▶ **What you will do**: This exercise asks for every record to be output again exactly.
========================================
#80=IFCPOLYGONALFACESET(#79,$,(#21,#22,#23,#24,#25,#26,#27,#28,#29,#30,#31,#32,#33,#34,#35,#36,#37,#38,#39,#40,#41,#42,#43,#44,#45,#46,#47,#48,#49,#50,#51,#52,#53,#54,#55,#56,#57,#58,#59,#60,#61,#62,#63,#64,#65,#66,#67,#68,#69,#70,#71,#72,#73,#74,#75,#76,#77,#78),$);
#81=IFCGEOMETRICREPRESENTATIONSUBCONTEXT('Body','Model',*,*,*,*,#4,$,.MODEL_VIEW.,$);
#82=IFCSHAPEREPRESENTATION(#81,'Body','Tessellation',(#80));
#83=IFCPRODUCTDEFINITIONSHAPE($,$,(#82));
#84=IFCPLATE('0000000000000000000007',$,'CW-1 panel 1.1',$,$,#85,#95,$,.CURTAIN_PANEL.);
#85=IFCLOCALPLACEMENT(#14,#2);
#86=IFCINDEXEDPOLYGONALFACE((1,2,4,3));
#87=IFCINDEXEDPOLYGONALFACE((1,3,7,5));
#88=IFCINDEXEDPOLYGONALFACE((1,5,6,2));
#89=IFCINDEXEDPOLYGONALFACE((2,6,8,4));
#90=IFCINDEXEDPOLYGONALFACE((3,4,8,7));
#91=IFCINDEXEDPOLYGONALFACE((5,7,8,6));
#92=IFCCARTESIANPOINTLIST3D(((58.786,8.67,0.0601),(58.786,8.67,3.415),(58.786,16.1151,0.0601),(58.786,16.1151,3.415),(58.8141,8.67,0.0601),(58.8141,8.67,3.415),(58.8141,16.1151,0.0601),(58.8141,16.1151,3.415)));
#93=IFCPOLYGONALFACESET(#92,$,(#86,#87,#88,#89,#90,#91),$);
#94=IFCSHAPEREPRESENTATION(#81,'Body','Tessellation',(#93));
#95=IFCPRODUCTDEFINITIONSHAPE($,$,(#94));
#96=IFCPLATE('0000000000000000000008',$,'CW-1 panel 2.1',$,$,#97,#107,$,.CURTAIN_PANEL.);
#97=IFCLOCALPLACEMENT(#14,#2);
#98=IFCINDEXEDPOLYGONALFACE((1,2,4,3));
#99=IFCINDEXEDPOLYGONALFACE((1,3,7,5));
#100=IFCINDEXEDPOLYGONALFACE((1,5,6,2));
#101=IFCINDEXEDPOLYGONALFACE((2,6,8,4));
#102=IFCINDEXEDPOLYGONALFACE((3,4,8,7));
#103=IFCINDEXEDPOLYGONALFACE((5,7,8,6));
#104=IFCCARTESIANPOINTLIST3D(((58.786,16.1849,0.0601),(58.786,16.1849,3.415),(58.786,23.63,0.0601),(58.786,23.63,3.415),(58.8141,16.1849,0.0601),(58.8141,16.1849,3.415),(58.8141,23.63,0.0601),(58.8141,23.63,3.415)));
========================================
▶ **Task solution**:
#80=IFCPOLYGONALFACESET(#79,$,(#21,#22,#23,#24,#25,#26,#27,#28,#29,#30,#31,#32,#33,#34,#35,#36,#37,#38,#39,#40,#41,#42,#43,#44,#45,#46,#47,#48,#49,#50,#51,#52,#53,#54,#55,#56,#57,#58,#59,#60,#61,#62,#63,#64,#65,#66,#67,#68,#69,#70,#71,#72,#73,#74,#75,#76,#77,#78),$);
#81=IFCGEOMETRICREPRESENTATIONSUBCONTEXT('Body','Model',*,*,*,*,#4,$,.MODEL_VIEW.,$);
#82=IFCSHAPEREPRESENTATION(#81,'Body','Tessellation',(#80));
#83=IFCPRODUCTDEFINITIONSHAPE($,$,(#82));
#84=IFCPLATE('0000000000000000000007',$,'CW-1 panel 1.1',$,$,#85,#95,$,.CURTAIN_PANEL.);
#85=IFCLOCALPLACEMENT(#14,#2);
#86=IFCINDEXEDPOLYGONALFACE((1,2,4,3));
#87=IFCINDEXEDPOLYGONALFACE((1,3,7,5));
#88=IFCINDEXEDPOLYGONALFACE((1,5,6,2));
#89=IFCINDEXEDPOLYGONALFACE((2,6,8,4));
#90=IFCINDEXEDPOLYGONALFACE((3,4,8,7));
#91=IFCINDEXEDPOLYGONALFACE((5,7,8,6));
#92=IFCCARTESIANPOINTLIST3D(((58.786,8.67,0.0601),(58.786,8.67,3.415),(58.786,16.1151,0.0601),(58.786,16.1151,3.415),(58.8141,8.67,0.0601),(58.8141,8.67,3.415),(58.8141,16.1151,0.0601),(58.8141,16.1151,3.415)));
#93=IFCPOLYGONALFACESET(#92,$,(#86,#87,#88,#89,#90,#91),$);
#94=IFCSHAPEREPRESENTATION(#81,'Body','Tessellation',(#93));
#95=IFCPRODUCTDEFINITIONSHAPE($,$,(#94));
#96=IFCPLATE('0000000000000000000008',$,'CW-1 panel 2.1',$,$,#97,#107,$,.CURTAIN_PANEL.);
#97=IFCLOCALPLACEMENT(#14,#2);
#98=IFCINDEXEDPOLYGONALFACE((1,2,4,3));
#99=IFCINDEXEDPOLYGONALFACE((1,3,7,5));
#100=IFCINDEXEDPOLYGONALFACE((1,5,6,2));
#101=IFCINDEXEDPOLYGONALFACE((2,6,8,4));
#102=IFCINDEXEDPOLYGONALFACE((3,4,8,7));
#103=IFCINDEXEDPOLYGONALFACE((5,7,8,6));
#104=IFCCARTESIANPOINTLIST3D(((58.786,16.1849,0.0601),(58.786,16.1849,3.415),(58.786,23.63,0.0601),(58.786,23.63,3.415),(58.8141,16.1849,0.0601),(58.8141,16.1849,3.415),(58.8141,23.63,0.0601),(58.8141,23.63,3.415)));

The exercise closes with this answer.